:: RECORDS PROVIDED
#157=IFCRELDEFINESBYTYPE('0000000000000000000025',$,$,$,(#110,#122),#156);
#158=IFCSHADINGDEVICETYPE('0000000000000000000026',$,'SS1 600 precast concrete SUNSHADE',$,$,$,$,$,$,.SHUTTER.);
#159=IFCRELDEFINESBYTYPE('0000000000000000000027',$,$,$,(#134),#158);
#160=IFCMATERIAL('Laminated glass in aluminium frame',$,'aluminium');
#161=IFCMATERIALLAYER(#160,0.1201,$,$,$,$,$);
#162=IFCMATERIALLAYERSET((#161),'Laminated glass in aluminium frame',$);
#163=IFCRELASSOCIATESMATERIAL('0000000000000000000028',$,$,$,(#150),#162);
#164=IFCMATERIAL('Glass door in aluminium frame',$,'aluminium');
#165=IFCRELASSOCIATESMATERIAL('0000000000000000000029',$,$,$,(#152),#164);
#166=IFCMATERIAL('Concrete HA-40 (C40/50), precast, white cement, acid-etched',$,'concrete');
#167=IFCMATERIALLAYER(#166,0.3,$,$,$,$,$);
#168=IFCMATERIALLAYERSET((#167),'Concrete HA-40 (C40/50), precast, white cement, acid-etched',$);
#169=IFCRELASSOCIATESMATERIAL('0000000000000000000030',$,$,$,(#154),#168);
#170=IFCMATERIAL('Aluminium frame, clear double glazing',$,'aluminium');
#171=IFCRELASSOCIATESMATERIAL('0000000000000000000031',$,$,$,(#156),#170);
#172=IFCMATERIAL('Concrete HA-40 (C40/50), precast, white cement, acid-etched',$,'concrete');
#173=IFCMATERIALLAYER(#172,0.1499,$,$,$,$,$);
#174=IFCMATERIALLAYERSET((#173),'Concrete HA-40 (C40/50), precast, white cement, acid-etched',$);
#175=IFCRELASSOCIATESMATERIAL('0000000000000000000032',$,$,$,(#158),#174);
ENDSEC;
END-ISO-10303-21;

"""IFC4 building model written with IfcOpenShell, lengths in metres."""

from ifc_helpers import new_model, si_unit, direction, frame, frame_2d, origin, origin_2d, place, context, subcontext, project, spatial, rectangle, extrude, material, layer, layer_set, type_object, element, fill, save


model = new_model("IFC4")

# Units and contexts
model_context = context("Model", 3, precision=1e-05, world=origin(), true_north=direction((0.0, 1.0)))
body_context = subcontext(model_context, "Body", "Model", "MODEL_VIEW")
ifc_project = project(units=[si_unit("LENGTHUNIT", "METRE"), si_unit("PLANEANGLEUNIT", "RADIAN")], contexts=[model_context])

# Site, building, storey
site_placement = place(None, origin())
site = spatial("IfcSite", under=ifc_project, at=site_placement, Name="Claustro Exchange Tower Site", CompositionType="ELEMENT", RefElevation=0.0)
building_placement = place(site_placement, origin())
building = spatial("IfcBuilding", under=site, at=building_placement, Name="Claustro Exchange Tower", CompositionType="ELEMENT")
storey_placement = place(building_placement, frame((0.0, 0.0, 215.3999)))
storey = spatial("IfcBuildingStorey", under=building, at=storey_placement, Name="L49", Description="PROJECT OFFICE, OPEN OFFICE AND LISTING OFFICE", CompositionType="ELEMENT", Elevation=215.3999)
::::
- _EXERCISE DETAILS_
Write out all the entries once more, exactly.

- _EXERCISE RESPONSE_
#157=IFCRELDEFINESBYTYPE('0000000000000000000025',$,$,$,(#110,#122),#156);
#158=IFCSHADINGDEVICETYPE('0000000000000000000026',$,'SS1 600 precast concrete SUNSHADE',$,$,$,$,$,$,.SHUTTER.);
#159=IFCRELDEFINESBYTYPE('0000000000000000000027',$,$,$,(#134),#158);
#160=IFCMATERIAL('Laminated glass in aluminium frame',$,'aluminium');
#161=IFCMATERIALLAYER(#160,0.1201,$,$,$,$,$);
#162=IFCMATERIALLAYERSET((#161),'Laminated glass in aluminium frame',$);
#163=IFCRELASSOCIATESMATERIAL('0000000000000000000028',$,$,$,(#150),#162);
#164=IFCMATERIAL('Glass door in aluminium frame',$,'aluminium');
#165=IFCRELASSOCIATESMATERIAL('0000000000000000000029',$,$,$,(#152),#164);
#166=IFCMATERIAL('Concrete HA-40 (C40/50), precast, white cement, acid-etched',$,'concrete');
#167=IFCMATERIALLAYER(#166,0.3,$,$,$,$,$);
#168=IFCMATERIALLAYERSET((#167),'Concrete HA-40 (C40/50), precast, white cement, acid-etched',$);
#169=IFCRELASSOCIATESMATERIAL('0000000000000000000030',$,$,$,(#154),#168);
#170=IFCMATERIAL('Aluminium frame, clear double glazing',$,'aluminium');
#171=IFCRELASSOCIATESMATERIAL('0000000000000000000031',$,$,$,(#156),#170);
#172=IFCMATERIAL('Concrete HA-40 (C40/50), precast, white cement, acid-etched',$,'concrete');
#173=IFCMATERIALLAYER(#172,0.1499,$,$,$,$,$);
#174=IFCMATERIALLAYERSET((#173),'Concrete HA-40 (C40/50), precast, white cement, acid-etched',$);
#175=IFCRELASSOCIATESMATERIAL('0000000000000000000032',$,$,$,(#158),#174);
ENDSEC;
END-ISO-10303-21;

"""IFC4 building model written with IfcOpenShell, lengths in metres."""

from ifc_helpers import new_model, si_unit, direction, frame, frame_2d, origin, origin_2d, place, context, subcontext, project, spatial, rectangle, extrude, material, layer, layer_set, type_object, element, fill, save


model = new_model("IFC4")

# Units and contexts
model_context = context("Model", 3, precision=1e-05, world=origin(), true_north=direction((0.0, 1.0)))
body_context = subcontext(model_context, "Body", "Model", "MODEL_VIEW")
ifc_project = project(units=[si_unit("LENGTHUNIT", "METRE"), si_unit("PLANEANGLEUNIT", "RADIAN")], contexts=[model_context])

# Site, building, storey
site_placement = place(None, origin())
site = spatial("IfcSite", under=ifc_project, at=site_placement, Name="Claustro Exchange Tower Site", CompositionType="ELEMENT", RefElevation=0.0)
building_placement = place(site_placement, origin())
building = spatial("IfcBuilding", under=site, at=building_placement, Name="Claustro Exchange Tower", CompositionType="ELEMENT")
storey_placement = place(building_placement, frame((0.0, 0.0, 215.3999)))
storey = spatial("IfcBuildingStorey", under=building, at=storey_placement, Name="L49", Description="PROJECT OFFICE, OPEN OFFICE AND LISTING OFFICE", CompositionType="ELEMENT", Elevation=215.3999)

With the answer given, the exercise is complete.